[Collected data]
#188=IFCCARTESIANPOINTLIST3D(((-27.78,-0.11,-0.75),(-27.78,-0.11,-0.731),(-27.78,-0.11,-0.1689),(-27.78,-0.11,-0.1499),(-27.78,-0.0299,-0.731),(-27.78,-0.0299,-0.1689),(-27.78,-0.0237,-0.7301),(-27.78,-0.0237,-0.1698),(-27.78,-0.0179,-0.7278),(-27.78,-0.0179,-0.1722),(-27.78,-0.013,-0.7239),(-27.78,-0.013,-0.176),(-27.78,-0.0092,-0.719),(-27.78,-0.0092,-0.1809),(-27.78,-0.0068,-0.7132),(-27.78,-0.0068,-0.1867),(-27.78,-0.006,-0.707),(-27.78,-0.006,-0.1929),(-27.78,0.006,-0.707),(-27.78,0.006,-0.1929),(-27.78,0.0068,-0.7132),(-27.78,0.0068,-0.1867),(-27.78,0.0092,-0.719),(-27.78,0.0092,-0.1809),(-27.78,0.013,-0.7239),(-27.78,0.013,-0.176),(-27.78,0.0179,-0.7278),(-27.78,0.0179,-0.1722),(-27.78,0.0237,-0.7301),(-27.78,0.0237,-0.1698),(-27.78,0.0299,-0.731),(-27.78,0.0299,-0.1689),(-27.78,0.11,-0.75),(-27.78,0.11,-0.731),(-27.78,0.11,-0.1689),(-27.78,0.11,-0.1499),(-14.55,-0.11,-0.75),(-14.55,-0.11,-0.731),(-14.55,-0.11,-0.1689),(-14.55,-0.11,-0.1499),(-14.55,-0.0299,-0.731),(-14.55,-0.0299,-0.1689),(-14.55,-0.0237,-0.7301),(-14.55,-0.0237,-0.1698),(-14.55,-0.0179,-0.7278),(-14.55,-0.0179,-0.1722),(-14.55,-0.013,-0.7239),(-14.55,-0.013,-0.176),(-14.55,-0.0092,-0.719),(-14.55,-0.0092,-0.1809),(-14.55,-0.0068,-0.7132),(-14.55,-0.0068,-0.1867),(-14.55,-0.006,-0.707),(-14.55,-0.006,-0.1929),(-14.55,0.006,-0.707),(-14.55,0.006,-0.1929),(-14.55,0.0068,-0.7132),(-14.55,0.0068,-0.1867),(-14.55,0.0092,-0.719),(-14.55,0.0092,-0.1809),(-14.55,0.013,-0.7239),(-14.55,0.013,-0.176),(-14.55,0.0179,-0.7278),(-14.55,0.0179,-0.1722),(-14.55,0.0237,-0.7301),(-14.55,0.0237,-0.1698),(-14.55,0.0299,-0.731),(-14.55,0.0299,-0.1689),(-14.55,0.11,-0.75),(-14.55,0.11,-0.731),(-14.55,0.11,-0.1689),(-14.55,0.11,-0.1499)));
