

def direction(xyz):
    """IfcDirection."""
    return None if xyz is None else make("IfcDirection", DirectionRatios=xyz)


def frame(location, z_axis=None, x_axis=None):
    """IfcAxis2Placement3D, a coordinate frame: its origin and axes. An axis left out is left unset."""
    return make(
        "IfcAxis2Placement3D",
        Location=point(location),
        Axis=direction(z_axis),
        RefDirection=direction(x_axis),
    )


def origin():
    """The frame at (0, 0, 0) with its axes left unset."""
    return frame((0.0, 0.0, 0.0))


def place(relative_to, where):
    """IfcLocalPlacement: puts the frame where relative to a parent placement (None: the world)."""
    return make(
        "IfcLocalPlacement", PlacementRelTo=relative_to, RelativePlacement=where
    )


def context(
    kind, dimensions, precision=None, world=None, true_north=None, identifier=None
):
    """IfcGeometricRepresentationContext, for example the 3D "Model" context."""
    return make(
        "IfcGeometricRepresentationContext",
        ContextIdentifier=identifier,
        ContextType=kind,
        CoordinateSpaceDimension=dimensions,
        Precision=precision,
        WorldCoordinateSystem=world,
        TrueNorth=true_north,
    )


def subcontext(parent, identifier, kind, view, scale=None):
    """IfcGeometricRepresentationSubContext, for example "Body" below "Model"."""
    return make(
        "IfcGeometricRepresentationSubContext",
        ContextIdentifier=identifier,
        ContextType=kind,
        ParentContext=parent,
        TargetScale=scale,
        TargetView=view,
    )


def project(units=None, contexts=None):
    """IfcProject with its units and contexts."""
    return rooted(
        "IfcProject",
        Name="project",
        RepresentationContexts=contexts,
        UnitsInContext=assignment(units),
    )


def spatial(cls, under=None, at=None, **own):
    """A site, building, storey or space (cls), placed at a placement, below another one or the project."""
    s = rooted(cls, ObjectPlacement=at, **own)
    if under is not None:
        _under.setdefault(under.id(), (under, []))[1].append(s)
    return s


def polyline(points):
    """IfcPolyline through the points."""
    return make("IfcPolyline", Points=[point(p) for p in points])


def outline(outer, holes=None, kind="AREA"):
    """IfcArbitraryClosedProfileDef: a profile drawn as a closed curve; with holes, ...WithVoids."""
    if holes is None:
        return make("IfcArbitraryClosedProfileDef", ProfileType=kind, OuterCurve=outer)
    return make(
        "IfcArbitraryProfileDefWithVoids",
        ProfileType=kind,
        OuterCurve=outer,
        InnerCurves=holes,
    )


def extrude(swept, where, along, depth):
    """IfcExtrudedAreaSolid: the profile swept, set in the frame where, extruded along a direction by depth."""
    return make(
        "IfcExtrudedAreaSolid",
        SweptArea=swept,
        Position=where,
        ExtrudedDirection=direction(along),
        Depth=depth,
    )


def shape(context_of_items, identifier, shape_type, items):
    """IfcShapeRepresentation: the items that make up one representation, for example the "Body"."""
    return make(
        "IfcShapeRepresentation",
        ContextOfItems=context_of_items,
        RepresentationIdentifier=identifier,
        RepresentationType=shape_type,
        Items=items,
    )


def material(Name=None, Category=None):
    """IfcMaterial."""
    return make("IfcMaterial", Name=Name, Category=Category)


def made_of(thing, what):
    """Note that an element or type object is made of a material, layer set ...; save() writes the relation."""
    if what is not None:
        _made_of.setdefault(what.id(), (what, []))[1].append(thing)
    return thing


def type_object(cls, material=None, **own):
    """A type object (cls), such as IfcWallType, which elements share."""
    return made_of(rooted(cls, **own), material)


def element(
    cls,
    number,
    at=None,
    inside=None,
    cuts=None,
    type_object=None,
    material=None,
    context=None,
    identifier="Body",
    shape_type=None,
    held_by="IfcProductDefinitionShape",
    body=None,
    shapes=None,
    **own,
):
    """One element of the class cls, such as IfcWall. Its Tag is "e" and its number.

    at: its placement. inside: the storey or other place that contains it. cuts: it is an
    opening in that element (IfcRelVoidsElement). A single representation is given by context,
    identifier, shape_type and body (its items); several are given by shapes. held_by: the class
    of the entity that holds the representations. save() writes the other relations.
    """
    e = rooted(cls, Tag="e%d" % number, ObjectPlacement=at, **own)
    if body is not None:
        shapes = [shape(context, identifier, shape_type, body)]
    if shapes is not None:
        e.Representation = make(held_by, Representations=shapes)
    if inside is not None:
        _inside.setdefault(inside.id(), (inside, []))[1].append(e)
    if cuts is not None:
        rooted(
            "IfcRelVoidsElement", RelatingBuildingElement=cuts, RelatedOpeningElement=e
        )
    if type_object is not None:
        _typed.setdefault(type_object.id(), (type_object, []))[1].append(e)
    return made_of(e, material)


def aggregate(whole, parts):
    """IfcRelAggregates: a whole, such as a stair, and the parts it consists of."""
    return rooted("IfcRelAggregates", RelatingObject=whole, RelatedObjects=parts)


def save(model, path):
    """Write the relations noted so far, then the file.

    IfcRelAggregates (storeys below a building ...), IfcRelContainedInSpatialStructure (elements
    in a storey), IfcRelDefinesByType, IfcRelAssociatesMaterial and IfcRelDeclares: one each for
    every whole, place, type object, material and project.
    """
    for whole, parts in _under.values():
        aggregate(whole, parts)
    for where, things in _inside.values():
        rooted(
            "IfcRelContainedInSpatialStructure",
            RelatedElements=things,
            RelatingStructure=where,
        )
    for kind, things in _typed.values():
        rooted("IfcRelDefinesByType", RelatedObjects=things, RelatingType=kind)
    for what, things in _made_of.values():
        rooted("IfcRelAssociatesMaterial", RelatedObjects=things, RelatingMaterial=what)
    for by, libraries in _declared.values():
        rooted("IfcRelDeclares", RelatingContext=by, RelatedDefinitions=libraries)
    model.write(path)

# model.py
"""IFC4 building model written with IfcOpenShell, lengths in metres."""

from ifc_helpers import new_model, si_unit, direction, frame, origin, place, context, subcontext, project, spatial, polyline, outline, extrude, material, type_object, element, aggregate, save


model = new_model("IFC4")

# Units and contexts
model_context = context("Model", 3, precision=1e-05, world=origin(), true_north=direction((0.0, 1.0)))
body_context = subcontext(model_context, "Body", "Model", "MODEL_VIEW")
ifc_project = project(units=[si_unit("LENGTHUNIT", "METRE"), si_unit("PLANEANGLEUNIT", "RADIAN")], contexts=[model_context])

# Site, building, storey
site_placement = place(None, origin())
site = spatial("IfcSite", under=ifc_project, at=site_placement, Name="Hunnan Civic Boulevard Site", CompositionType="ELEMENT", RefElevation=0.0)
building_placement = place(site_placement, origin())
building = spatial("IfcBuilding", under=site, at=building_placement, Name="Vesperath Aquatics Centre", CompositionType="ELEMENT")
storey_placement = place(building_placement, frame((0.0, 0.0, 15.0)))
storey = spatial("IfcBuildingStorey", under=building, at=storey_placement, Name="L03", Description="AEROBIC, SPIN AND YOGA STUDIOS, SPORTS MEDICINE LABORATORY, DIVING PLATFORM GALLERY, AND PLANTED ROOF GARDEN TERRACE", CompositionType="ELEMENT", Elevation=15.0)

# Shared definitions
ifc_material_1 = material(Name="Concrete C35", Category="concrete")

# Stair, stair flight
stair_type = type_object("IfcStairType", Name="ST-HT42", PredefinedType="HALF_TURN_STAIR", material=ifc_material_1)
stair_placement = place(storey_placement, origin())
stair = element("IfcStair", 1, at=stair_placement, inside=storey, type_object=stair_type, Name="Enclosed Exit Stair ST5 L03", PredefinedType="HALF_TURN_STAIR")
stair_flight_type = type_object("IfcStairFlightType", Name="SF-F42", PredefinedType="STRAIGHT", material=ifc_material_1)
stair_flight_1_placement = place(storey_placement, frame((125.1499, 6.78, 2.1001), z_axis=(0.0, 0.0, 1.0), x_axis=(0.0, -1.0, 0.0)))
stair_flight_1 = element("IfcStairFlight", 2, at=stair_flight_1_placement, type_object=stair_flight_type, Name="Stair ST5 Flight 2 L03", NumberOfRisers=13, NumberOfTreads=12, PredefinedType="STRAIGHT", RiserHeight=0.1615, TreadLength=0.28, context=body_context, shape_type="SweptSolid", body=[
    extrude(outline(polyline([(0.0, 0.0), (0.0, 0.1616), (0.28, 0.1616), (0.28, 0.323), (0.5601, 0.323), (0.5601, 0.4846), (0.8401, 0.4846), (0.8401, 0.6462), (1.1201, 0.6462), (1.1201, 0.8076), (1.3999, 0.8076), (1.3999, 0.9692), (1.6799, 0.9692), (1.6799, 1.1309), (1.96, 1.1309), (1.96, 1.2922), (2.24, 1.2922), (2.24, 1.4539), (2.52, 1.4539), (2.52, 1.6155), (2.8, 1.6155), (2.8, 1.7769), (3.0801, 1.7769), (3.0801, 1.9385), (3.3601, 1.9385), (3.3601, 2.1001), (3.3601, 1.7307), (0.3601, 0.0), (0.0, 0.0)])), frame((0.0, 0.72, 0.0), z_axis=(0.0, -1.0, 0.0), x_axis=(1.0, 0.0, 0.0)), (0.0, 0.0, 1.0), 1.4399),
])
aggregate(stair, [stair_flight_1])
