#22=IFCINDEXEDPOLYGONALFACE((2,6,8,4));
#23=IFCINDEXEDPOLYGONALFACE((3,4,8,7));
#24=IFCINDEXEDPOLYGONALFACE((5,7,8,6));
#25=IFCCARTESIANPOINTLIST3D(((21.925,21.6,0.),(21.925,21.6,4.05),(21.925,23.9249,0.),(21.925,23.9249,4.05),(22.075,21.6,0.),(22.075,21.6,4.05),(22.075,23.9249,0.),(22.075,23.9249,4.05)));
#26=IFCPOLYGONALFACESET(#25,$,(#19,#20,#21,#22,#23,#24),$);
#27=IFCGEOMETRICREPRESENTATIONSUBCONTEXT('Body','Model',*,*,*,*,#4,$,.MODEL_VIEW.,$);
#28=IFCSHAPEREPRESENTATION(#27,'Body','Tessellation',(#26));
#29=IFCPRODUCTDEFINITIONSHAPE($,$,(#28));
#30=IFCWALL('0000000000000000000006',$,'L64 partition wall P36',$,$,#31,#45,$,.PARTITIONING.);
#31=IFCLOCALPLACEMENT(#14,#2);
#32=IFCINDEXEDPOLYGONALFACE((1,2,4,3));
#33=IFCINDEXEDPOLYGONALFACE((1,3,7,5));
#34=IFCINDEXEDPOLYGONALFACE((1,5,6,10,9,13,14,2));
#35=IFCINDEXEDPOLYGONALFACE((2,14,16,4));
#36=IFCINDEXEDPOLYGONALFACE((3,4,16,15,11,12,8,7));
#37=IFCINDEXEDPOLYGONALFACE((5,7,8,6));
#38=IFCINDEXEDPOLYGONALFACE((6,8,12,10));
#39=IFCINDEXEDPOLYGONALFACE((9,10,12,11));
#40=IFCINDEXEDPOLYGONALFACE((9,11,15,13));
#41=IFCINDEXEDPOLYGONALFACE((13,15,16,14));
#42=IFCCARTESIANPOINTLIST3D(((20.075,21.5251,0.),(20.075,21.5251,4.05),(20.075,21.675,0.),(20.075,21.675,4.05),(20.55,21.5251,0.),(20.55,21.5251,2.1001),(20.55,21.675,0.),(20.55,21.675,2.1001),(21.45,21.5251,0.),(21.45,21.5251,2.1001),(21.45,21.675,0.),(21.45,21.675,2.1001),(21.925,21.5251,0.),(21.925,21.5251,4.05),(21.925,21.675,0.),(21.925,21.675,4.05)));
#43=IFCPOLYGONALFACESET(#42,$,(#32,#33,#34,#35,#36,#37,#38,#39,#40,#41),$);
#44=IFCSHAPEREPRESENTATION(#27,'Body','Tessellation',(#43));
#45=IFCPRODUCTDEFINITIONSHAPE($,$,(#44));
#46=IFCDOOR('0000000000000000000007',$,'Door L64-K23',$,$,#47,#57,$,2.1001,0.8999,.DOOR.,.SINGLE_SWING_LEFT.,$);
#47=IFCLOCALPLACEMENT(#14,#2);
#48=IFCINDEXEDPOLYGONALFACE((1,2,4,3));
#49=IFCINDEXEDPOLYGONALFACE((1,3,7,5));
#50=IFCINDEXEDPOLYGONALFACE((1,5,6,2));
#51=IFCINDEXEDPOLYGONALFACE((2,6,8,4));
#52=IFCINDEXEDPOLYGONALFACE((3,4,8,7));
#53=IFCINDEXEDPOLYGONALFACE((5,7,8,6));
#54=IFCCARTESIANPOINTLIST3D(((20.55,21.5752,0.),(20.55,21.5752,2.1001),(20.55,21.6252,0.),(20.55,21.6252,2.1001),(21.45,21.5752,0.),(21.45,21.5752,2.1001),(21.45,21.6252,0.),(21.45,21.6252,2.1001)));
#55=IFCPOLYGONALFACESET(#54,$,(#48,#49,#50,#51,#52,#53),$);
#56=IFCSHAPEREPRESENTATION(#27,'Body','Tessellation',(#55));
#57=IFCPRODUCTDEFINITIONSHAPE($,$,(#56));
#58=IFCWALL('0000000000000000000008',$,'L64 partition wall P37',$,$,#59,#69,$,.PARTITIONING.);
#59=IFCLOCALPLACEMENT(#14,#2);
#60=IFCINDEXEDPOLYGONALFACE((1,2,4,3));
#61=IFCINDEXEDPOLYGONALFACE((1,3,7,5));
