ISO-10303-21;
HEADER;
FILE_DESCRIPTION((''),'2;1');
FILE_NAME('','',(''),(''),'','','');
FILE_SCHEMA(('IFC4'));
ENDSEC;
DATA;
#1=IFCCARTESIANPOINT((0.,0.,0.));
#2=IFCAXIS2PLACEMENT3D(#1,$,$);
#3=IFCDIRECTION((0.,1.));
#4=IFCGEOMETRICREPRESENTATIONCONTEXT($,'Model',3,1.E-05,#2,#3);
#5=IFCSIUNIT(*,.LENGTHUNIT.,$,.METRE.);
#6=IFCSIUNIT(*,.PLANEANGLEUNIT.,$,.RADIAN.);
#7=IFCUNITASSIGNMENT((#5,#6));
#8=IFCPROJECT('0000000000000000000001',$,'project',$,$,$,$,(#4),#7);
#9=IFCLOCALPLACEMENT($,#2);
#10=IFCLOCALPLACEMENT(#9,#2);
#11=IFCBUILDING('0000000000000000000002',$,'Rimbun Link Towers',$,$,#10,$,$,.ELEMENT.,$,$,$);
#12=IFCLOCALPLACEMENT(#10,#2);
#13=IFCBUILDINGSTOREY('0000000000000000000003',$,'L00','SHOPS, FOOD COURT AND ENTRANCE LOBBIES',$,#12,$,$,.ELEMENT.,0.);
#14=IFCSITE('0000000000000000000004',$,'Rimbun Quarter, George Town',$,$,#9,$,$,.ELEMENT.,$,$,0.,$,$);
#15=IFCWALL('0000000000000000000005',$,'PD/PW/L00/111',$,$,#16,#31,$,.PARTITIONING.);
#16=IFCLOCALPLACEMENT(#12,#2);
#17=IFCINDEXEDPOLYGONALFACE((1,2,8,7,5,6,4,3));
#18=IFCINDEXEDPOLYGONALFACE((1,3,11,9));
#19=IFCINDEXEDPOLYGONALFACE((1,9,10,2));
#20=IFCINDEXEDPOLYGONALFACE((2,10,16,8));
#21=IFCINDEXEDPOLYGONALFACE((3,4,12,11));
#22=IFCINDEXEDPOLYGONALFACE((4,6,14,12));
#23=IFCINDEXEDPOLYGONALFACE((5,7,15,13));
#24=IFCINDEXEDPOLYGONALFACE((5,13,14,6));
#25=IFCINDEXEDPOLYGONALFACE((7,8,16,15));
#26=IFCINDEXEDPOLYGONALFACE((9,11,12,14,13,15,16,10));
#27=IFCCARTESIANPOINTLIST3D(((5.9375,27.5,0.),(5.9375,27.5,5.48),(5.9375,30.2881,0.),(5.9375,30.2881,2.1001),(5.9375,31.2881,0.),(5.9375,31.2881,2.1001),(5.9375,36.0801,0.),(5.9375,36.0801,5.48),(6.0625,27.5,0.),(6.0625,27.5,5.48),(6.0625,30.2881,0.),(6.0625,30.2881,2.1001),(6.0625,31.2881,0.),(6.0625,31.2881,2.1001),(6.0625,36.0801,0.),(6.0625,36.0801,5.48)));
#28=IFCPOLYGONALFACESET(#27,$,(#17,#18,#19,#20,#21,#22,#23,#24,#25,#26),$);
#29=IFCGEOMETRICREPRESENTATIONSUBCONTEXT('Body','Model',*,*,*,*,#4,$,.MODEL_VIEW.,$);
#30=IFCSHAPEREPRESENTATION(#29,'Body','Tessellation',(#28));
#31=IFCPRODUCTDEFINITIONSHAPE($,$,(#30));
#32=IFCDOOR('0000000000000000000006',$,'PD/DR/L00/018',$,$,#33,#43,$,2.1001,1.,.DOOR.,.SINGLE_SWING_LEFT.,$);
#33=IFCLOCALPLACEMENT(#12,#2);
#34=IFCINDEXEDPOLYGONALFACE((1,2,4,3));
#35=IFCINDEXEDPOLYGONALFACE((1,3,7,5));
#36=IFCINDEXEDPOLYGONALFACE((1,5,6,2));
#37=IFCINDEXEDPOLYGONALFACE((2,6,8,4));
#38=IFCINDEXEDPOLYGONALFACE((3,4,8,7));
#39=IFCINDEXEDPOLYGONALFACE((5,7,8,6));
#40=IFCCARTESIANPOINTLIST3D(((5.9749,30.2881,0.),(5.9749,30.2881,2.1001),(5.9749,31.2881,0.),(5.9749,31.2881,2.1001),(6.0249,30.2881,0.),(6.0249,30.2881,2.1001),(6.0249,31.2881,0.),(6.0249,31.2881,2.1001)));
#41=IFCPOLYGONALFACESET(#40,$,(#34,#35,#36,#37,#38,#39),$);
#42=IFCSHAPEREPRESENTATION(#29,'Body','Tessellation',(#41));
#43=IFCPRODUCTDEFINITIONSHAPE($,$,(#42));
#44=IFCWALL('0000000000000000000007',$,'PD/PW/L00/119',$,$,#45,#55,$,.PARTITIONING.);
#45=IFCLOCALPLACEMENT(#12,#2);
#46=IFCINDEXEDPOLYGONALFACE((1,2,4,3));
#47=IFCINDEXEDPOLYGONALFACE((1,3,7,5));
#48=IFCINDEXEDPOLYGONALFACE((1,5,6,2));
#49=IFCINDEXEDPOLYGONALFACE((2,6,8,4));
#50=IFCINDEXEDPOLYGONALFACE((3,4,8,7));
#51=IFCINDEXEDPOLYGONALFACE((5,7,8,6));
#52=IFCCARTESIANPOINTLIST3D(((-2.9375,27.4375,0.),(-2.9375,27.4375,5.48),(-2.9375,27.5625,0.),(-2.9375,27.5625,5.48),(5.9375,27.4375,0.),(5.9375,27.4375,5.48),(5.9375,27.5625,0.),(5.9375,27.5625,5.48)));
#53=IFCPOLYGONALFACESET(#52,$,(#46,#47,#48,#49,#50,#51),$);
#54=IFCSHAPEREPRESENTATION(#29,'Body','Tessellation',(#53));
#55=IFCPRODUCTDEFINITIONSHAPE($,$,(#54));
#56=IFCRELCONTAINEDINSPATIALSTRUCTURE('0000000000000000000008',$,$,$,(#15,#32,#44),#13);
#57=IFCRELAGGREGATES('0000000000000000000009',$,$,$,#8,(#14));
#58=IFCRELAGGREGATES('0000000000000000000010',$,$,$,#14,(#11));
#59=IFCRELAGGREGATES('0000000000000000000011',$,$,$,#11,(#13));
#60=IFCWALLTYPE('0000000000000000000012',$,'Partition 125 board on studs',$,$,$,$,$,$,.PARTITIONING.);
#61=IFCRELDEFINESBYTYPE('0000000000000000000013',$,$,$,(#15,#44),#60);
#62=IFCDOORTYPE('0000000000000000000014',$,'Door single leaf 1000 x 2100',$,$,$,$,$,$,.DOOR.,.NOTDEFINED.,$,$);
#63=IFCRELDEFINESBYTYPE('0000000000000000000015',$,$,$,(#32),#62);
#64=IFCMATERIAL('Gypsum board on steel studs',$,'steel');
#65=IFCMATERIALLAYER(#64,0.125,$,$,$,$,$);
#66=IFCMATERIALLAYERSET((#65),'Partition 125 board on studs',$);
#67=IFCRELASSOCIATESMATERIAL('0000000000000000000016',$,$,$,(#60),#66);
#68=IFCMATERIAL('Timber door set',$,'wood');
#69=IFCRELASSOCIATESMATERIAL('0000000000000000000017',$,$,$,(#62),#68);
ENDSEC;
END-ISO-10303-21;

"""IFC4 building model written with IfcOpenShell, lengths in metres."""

from ifc_helpers import new_model, si_unit, direction, frame, frame_2d, origin, place, context, subcontext, project, spatial, rectangle, extrude, material, layer, layer_set, type_object, element, fill, save


model = new_model("IFC4")

# Units and contexts
model_context = context("Model", 3, precision=1e-05, world=origin(), true_north=direction((0.0, 1.0)))
body_context = subcontext(model_context, "Body", "Model", "MODEL_VIEW")
ifc_project = project(units=[si_unit("LENGTHUNIT", "METRE"), si_unit("PLANEANGLEUNIT", "RADIAN")], contexts=[model_context])

# Site, building, storey
site_placement = place(None, origin())
site = spatial("IfcSite", under=ifc_project, at=site_placement, Name="Rimbun Quarter, George Town", CompositionType="ELEMENT", RefElevation=0.0)
building_placement = place(site_placement, origin())
building = spatial("IfcBuilding", under=site, at=building_placement, Name="Rimbun Link Towers", CompositionType="ELEMENT")
storey_placement = place(building_placement, origin())
storey = spatial("IfcBuildingStorey", under=building, at=storey_placement, Name="L00", Description="SHOPS, FOOD COURT AND ENTRANCE LOBBIES", CompositionType="ELEMENT", Elevation=0.0)

# Wall, opening, door
ifc_material_1 = material(Name="Gypsum board on steel studs", Category="steel")
ifc_layer_1 = layer(ifc_material_1, 0.125)
ifc_layer_set_1 = layer_set([ifc_layer_1], Name="Partition 125 board on studs")
wall_type = type_object("IfcWallType", Name="Partition 125 board on studs", PredefinedType="PARTITIONING", material=ifc_layer_set_1)
ifc_material_2 = material(Name="Timber door set", Category="wood")
door_type = type_object("IfcDoorType", Name="Door single leaf 1000 x 2100", OperationType="NOTDEFINED", PredefinedType="DOOR", material=ifc_material_2)
wall_1_placement = place(storey_placement, frame((6.0, 36.0801, 0.0), z_axis=(0.0, 0.0, 1.0), x_axis=(0.0, -1.0, 0.0)))
wall_1 = element("IfcWall", 1, at=wall_1_placement, inside=storey, type_object=wall_type, Name="PD/PW/L00/111", PredefinedType="PARTITIONING", context=body_context, shape_type="SweptSolid", body=[
    extrude(rectangle(XDim=8.5801, YDim=0.125, at=frame_2d((4.29, 0.0))), origin(), (0.0, 0.0, 1.0), 5.48),
])
opening_1_placement = place(wall_1_placement, frame((4.792, 0.0, 0.0)))
opening_1 = element("IfcOpeningElement", 2, at=opening_1_placement, cuts=wall_1, PredefinedType="OPENING", context=body_context, shape_type="SweptSolid", body=[
    extrude(rectangle(XDim=1.0, YDim=2.1001, at=frame_2d((0.5, 1.05))), frame((0.0, 0.0725, 0.0), z_axis=(0.0, -1.0, 0.0), x_axis=(1.0, 0.0, 0.0)), (0.0, 0.0, 1.0), 0.145),
])
door_1_placement = place(opening_1_placement, origin())
door_1 = element("IfcDoor", 3, at=door_1_placement, inside=storey, type_object=door_type, Name="PD/DR/L00/018", OperationType="SINGLE_SWING_LEFT", OverallHeight=2.1001, OverallWidth=1.0, PredefinedType="DOOR", context=body_context, shape_type="SweptSolid", body=[
    extrude(rectangle(XDim=1.0, YDim=2.1001, at=frame_2d((0.5, 1.05))), frame((0.0, 0.0249, 0.0), z_axis=(0.0, -1.0, 0.0), x_axis=(1.0, 0.0, 0.0)), (0.0, 0.0, 1.0), 0.05),
])
fill(opening_1, door_1)

# Wall
wall_2_placement = place(storey_placement, frame((5.9375, 27.5, 0.0), z_axis=(0.0, 0.0, 1.0), x_axis=(-1.0, 0.0, 0.0)))
element("IfcWall", 4, at=wall_2_placement, inside=storey, type_object=wall_type, Name="PD/PW/L00/119", PredefinedType="PARTITIONING", context=body_context, shape_type="SweptSolid", body=[
    extrude(rectangle(XDim=8.875, YDim=0.125, at=frame_2d((4.4375, 0.0))), origin(), (0.0, 0.0, 1.0), 5.48),
])

save(model, "model.ifc")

YOUR GOAL: Your reply should consist of a single number, the count of lines in the records above that contain the string "RelatedObjects".

EXPECTED ANSWER: 3